[Source data]

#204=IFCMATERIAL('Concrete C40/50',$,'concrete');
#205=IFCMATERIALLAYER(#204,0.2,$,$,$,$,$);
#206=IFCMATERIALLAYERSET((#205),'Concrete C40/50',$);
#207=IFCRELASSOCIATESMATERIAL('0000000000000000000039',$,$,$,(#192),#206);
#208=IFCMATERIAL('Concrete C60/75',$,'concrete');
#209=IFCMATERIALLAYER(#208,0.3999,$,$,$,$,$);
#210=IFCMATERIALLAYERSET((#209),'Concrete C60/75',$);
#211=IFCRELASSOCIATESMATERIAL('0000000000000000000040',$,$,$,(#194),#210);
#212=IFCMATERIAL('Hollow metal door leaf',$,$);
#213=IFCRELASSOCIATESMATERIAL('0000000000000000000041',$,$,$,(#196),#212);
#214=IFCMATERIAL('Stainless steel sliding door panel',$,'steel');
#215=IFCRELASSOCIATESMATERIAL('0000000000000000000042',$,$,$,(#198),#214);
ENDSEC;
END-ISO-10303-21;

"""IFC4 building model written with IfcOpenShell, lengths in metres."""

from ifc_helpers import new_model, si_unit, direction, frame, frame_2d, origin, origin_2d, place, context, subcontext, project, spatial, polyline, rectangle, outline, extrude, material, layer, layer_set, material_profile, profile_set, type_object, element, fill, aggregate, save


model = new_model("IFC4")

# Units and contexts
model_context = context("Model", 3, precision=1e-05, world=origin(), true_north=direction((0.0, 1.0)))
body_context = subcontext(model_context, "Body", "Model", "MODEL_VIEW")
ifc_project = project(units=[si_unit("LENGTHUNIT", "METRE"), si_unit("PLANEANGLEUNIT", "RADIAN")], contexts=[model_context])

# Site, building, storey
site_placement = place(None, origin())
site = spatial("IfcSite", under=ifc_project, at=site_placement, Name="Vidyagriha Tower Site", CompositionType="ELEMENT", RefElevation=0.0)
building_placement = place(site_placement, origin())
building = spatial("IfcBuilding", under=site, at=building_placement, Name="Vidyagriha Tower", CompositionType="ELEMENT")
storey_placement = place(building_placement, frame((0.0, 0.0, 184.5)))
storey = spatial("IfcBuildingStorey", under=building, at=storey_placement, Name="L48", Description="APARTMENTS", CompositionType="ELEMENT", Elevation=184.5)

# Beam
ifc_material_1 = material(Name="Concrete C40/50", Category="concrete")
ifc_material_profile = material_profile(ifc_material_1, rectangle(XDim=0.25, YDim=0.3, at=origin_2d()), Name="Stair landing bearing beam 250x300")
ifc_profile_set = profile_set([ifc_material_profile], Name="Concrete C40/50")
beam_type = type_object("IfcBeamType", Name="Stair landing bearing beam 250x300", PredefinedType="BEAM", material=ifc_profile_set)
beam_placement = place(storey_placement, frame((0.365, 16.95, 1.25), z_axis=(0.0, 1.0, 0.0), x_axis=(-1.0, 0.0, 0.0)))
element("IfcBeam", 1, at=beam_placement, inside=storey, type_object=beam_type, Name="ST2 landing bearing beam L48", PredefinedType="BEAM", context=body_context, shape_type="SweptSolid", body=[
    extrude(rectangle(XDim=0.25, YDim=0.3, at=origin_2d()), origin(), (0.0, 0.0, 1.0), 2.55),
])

• [What is expected]:
Each entry should be written out again exactly, with no word left out.

• [Output]:
#204=IFCMATERIAL('Concrete C40/50',$,'concrete');
#205=IFCMATERIALLAYER(#204,0.2,$,$,$,$,$);
#206=IFCMATERIALLAYERSET((#205),'Concrete C40/50',$);
#207=IFCRELASSOCIATESMATERIAL('0000000000000000000039',$,$,$,(#192),#206);
#208=IFCMATERIAL('Concrete C60/75',$,'concrete');
#209=IFCMATERIALLAYER(#208,0.3999,$,$,$,$,$);
#210=IFCMATERIALLAYERSET((#209),'Concrete C60/75',$);
#211=IFCRELASSOCIATESMATERIAL('0000000000000000000040',$,$,$,(#194),#210);
#212=IFCMATERIAL('Hollow metal door leaf',$,$);
#213=IFCRELASSOCIATESMATERIAL('0000000000000000000041',$,$,$,(#196),#212);
#214=IFCMATERIAL('Stainless steel sliding door panel',$,'steel');
#215=IFCRELASSOCIATESMATERIAL('0000000000000000000042',$,$,$,(#198),#214);
ENDSEC;
END-ISO-10303-21;

"""IFC4 building model written with IfcOpenShell, lengths in metres."""

from ifc_helpers import new_model, si_unit, direction, frame, frame_2d, origin, origin_2d, place, context, subcontext, project, spatial, polyline, rectangle, outline, extrude, material, layer, layer_set, material_profile, profile_set, type_object, element, fill, aggregate, save


model = new_model("IFC4")

# Units and contexts
model_context = context("Model", 3, precision=1e-05, world=origin(), true_north=direction((0.0, 1.0)))
body_context = subcontext(model_context, "Body", "Model", "MODEL_VIEW")
ifc_project = project(units=[si_unit("LENGTHUNIT", "METRE"), si_unit("PLANEANGLEUNIT", "RADIAN")], contexts=[model_context])

# Site, building, storey
site_placement = place(None, origin())
site = spatial("IfcSite", under=ifc_project, at=site_placement, Name="Vidyagriha Tower Site", CompositionType="ELEMENT", RefElevation=0.0)
building_placement = place(site_placement, origin())
building = spatial("IfcBuilding", under=site, at=building_placement, Name="Vidyagriha Tower", CompositionType="ELEMENT")
storey_placement = place(building_placement, frame((0.0, 0.0, 184.5)))
storey = spatial("IfcBuildingStorey", under=building, at=storey_placement, Name="L48", Description="APARTMENTS", CompositionType="ELEMENT", Elevation=184.5)

# Beam
ifc_material_1 = material(Name="Concrete C40/50", Category="concrete")
ifc_material_profile = material_profile(ifc_material_1, rectangle(XDim=0.25, YDim=0.3, at=origin_2d()), Name="Stair landing bearing beam 250x300")
ifc_profile_set = profile_set([ifc_material_profile], Name="Concrete C40/50")
beam_type = type_object("IfcBeamType", Name="Stair landing bearing beam 250x300", PredefinedType="BEAM", material=ifc_profile_set)
beam_placement = place(storey_placement, frame((0.365, 16.95, 1.25), z_axis=(0.0, 1.0, 0.0), x_axis=(-1.0, 0.0, 0.0)))
element("IfcBeam", 1, at=beam_placement, inside=storey, type_object=beam_type, Name="ST2 landing bearing beam L48", PredefinedType="BEAM", context=body_context, shape_type="SweptSolid", body=[
    extrude(rectangle(XDim=0.25, YDim=0.3, at=origin_2d()), origin(), (0.0, 0.0, 1.0), 2.55),
])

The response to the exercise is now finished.